— Material for the task —
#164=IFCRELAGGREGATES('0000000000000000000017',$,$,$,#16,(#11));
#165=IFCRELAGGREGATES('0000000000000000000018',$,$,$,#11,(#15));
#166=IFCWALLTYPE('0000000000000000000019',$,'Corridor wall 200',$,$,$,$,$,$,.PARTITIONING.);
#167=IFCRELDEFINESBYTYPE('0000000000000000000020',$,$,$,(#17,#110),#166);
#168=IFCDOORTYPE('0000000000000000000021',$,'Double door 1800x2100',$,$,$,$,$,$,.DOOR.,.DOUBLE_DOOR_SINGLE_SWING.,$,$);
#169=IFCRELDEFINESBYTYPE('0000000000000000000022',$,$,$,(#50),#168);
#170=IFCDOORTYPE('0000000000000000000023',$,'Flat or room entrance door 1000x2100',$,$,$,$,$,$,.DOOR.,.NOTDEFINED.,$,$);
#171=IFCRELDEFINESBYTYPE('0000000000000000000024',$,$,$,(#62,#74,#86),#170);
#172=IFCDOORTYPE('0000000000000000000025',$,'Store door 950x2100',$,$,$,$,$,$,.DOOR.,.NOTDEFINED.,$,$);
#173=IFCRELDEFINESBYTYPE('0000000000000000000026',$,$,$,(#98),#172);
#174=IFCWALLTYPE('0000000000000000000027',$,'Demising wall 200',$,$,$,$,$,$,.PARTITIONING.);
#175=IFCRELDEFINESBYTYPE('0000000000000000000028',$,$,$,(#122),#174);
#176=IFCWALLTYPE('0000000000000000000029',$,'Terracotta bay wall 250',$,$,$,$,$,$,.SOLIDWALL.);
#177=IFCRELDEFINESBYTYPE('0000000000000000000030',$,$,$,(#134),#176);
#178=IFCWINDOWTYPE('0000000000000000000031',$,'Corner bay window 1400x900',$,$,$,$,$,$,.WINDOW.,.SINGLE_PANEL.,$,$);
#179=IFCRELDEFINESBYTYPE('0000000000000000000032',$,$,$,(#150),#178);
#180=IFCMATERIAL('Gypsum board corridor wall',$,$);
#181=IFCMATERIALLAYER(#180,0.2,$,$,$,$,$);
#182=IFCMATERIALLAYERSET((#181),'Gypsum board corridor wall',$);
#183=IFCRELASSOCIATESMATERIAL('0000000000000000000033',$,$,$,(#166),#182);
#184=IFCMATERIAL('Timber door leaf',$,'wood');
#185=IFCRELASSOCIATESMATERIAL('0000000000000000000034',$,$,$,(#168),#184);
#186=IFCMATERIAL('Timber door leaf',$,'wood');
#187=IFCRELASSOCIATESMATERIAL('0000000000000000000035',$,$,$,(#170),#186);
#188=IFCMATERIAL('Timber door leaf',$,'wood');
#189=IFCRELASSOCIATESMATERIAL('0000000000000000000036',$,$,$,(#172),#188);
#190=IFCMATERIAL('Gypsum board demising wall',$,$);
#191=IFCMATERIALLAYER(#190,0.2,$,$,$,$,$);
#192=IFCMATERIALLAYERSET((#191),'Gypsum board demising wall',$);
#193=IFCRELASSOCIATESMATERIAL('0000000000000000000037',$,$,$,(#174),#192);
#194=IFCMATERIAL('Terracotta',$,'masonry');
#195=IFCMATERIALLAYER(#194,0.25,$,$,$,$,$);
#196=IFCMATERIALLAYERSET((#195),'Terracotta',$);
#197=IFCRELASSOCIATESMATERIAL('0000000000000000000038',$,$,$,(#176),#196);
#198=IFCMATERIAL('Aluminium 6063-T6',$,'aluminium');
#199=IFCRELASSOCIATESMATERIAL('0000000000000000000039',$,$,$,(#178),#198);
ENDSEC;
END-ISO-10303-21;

— Description of the task —
Nothing but the full listing, copied exactly, belongs in the answer.

— Solution —
#164=IFCRELAGGREGATES('0000000000000000000017',$,$,$,#16,(#11));
#165=IFCRELAGGREGATES('0000000000000000000018',$,$,$,#11,(#15));
#166=IFCWALLTYPE('0000000000000000000019',$,'Corridor wall 200',$,$,$,$,$,$,.PARTITIONING.);
#167=IFCRELDEFINESBYTYPE('0000000000000000000020',$,$,$,(#17,#110),#166);
#168=IFCDOORTYPE('0000000000000000000021',$,'Double door 1800x2100',$,$,$,$,$,$,.DOOR.,.DOUBLE_DOOR_SINGLE_SWING.,$,$);
#169=IFCRELDEFINESBYTYPE('0000000000000000000022',$,$,$,(#50),#168);
#170=IFCDOORTYPE('0000000000000000000023',$,'Flat or room entrance door 1000x2100',$,$,$,$,$,$,.DOOR.,.NOTDEFINED.,$,$);
#171=IFCRELDEFINESBYTYPE('0000000000000000000024',$,$,$,(#62,#74,#86),#170);
#172=IFCDOORTYPE('0000000000000000000025',$,'Store door 950x2100',$,$,$,$,$,$,.DOOR.,.NOTDEFINED.,$,$);
#173=IFCRELDEFINESBYTYPE('0000000000000000000026',$,$,$,(#98),#172);
#174=IFCWALLTYPE('0000000000000000000027',$,'Demising wall 200',$,$,$,$,$,$,.PARTITIONING.);
#175=IFCRELDEFINESBYTYPE('0000000000000000000028',$,$,$,(#122),#174);
#176=IFCWALLTYPE('0000000000000000000029',$,'Terracotta bay wall 250',$,$,$,$,$,$,.SOLIDWALL.);
#177=IFCRELDEFINESBYTYPE('0000000000000000000030',$,$,$,(#134),#176);
#178=IFCWINDOWTYPE('0000000000000000000031',$,'Corner bay window 1400x900',$,$,$,$,$,$,.WINDOW.,.SINGLE_PANEL.,$,$);
#179=IFCRELDEFINESBYTYPE('0000000000000000000032',$,$,$,(#150),#178);
#180=IFCMATERIAL('Gypsum board corridor wall',$,$);
#181=IFCMATERIALLAYER(#180,0.2,$,$,$,$,$);
#182=IFCMATERIALLAYERSET((#181),'Gypsum board corridor wall',$);
#183=IFCRELASSOCIATESMATERIAL('0000000000000000000033',$,$,$,(#166),#182);
#184=IFCMATERIAL('Timber door leaf',$,'wood');
#185=IFCRELASSOCIATESMATERIAL('0000000000000000000034',$,$,$,(#168),#184);
#186=IFCMATERIAL('Timber door leaf',$,'wood');
#187=IFCRELASSOCIATESMATERIAL('0000000000000000000035',$,$,$,(#170),#186);
#188=IFCMATERIAL('Timber door leaf',$,'wood');
#189=IFCRELASSOCIATESMATERIAL('0000000000000000000036',$,$,$,(#172),#188);
#190=IFCMATERIAL('Gypsum board demising wall',$,$);
#191=IFCMATERIALLAYER(#190,0.2,$,$,$,$,$);
#192=IFCMATERIALLAYERSET((#191),'Gypsum board demising wall',$);
#193=IFCRELASSOCIATESMATERIAL('0000000000000000000037',$,$,$,(#174),#192);
#194=IFCMATERIAL('Terracotta',$,'masonry');
#195=IFCMATERIALLAYER(#194,0.25,$,$,$,$,$);
#196=IFCMATERIALLAYERSET((#195),'Terracotta',$);
#197=IFCRELASSOCIATESMATERIAL('0000000000000000000038',$,$,$,(#176),#196);
#198=IFCMATERIAL('Aluminium 6063-T6',$,'aluminium');
#199=IFCRELASSOCIATESMATERIAL('0000000000000000000039',$,$,$,(#178),#198);
ENDSEC;
END-ISO-10303-21;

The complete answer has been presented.